* Work item
Match the string "IFCSHAPEREPRESENTATION" against each line below, and copy every line that matches.
━━━━━━━━━━━━━━━━━━━━
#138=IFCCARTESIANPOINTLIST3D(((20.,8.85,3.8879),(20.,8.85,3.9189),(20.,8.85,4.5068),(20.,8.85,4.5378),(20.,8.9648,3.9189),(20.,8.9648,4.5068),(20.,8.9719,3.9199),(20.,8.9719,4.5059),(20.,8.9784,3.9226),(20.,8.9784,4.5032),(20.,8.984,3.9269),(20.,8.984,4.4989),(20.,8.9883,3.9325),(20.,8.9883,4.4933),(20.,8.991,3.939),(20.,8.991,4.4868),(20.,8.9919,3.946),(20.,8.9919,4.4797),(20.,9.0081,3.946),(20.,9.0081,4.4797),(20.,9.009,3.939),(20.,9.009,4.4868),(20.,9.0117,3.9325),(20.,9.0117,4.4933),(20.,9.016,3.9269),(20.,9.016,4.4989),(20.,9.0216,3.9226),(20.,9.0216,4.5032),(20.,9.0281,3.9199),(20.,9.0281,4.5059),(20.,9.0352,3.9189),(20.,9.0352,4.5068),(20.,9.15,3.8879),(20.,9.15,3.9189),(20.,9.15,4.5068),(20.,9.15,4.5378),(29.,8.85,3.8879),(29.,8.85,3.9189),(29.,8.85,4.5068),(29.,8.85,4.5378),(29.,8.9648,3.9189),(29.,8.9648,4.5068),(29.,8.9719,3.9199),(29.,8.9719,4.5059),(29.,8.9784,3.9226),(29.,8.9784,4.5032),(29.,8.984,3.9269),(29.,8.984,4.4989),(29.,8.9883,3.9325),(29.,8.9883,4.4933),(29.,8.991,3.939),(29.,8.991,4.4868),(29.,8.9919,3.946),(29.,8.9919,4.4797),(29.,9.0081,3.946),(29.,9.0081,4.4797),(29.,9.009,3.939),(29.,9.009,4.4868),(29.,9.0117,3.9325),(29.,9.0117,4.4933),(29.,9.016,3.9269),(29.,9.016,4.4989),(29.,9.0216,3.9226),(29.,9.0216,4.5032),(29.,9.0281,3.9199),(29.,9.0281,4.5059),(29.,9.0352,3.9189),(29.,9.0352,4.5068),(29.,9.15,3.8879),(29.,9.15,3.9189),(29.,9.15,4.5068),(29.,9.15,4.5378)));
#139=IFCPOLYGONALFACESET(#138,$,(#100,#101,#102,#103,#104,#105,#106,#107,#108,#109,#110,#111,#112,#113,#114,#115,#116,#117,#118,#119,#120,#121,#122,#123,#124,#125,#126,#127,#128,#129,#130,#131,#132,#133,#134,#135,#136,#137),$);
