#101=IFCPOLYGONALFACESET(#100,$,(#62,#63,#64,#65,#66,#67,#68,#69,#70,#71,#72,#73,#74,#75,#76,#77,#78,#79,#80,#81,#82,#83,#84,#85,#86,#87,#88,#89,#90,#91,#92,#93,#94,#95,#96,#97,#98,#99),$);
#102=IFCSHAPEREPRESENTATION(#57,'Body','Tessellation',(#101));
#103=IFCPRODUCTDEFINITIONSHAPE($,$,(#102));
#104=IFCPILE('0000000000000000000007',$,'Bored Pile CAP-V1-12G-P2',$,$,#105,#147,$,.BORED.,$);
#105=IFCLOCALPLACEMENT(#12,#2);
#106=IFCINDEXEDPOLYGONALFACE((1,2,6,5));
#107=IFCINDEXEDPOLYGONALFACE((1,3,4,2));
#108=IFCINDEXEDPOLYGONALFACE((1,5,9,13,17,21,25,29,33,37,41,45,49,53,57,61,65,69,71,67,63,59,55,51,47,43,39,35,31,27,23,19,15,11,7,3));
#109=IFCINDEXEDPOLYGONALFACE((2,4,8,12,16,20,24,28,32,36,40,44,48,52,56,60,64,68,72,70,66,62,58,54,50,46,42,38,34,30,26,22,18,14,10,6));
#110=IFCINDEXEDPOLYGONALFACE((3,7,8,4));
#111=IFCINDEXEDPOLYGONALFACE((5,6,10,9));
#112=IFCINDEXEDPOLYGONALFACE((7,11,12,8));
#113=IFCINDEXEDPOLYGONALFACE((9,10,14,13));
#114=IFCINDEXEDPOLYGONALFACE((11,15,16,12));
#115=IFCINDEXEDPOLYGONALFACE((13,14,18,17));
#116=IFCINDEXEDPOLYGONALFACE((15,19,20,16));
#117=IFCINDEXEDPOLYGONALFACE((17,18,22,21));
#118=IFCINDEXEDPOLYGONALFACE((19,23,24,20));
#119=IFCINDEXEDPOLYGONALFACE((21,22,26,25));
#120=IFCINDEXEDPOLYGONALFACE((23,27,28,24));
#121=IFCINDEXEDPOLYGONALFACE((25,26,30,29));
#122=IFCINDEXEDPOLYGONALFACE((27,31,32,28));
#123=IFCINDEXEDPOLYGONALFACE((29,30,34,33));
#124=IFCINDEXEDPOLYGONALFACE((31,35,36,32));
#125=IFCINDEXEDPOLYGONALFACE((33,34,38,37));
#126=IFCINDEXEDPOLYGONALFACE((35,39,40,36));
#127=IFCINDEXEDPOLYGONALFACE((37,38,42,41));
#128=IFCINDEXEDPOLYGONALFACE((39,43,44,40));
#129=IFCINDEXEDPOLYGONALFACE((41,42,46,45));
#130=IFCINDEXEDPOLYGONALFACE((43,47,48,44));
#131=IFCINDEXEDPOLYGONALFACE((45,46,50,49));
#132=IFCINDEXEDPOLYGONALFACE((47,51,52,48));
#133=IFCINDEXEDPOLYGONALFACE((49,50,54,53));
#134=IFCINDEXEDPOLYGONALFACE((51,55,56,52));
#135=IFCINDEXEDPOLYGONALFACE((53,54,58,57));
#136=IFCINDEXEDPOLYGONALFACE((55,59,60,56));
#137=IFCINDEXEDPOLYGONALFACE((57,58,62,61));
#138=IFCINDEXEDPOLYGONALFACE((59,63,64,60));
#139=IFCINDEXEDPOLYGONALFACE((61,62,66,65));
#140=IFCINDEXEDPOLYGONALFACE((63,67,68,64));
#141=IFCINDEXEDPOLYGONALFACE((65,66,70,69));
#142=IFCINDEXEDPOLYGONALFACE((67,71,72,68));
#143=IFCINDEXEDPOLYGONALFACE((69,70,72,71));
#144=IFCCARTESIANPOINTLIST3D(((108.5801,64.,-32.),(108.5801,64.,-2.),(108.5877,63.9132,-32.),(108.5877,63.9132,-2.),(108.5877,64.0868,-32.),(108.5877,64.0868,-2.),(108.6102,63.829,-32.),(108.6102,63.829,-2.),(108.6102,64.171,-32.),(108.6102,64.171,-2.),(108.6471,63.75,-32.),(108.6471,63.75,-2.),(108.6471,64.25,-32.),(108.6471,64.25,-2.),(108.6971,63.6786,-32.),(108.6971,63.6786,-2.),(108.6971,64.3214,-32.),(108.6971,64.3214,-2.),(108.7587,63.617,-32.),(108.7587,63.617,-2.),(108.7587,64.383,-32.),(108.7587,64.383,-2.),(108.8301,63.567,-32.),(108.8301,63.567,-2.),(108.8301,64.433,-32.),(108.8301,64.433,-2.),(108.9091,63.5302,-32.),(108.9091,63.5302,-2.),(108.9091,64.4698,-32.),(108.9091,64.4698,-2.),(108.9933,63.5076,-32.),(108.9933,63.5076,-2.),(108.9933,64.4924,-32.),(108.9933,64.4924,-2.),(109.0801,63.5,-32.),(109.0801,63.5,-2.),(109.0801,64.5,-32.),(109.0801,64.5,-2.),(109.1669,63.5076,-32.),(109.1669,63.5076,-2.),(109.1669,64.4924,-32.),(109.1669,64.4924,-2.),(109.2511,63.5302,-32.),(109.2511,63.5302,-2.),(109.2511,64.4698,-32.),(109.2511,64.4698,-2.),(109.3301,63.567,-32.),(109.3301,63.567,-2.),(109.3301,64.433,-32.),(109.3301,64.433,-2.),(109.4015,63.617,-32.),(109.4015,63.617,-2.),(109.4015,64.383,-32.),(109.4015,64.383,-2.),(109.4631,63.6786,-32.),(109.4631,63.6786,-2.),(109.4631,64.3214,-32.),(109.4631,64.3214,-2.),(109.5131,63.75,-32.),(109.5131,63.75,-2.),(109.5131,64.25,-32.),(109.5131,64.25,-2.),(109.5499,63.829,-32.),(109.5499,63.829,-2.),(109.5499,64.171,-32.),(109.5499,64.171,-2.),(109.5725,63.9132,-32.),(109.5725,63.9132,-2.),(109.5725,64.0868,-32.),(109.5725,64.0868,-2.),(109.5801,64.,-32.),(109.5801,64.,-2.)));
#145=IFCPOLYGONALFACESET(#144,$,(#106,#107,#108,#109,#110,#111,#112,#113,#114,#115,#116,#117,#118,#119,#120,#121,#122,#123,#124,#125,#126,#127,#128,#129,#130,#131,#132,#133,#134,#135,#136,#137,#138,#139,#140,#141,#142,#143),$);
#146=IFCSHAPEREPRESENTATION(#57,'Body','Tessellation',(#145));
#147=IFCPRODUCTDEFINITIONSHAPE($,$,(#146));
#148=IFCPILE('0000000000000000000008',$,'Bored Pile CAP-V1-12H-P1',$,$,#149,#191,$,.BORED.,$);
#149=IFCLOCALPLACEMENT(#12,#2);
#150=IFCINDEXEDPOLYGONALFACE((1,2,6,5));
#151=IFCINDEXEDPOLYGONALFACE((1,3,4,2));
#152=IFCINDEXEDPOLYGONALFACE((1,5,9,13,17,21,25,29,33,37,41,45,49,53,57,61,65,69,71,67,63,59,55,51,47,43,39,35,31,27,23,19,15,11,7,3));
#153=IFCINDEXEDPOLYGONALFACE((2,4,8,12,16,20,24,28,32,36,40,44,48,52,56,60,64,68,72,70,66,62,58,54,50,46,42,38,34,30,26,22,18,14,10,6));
━━━━━━━━━━━━━━━━━━━━
* Solution
#102=IFCSHAPEREPRESENTATION(#57,'Body','Tessellation',(#101));
#146=IFCSHAPEREPRESENTATION(#57,'Body','Tessellation',(#145));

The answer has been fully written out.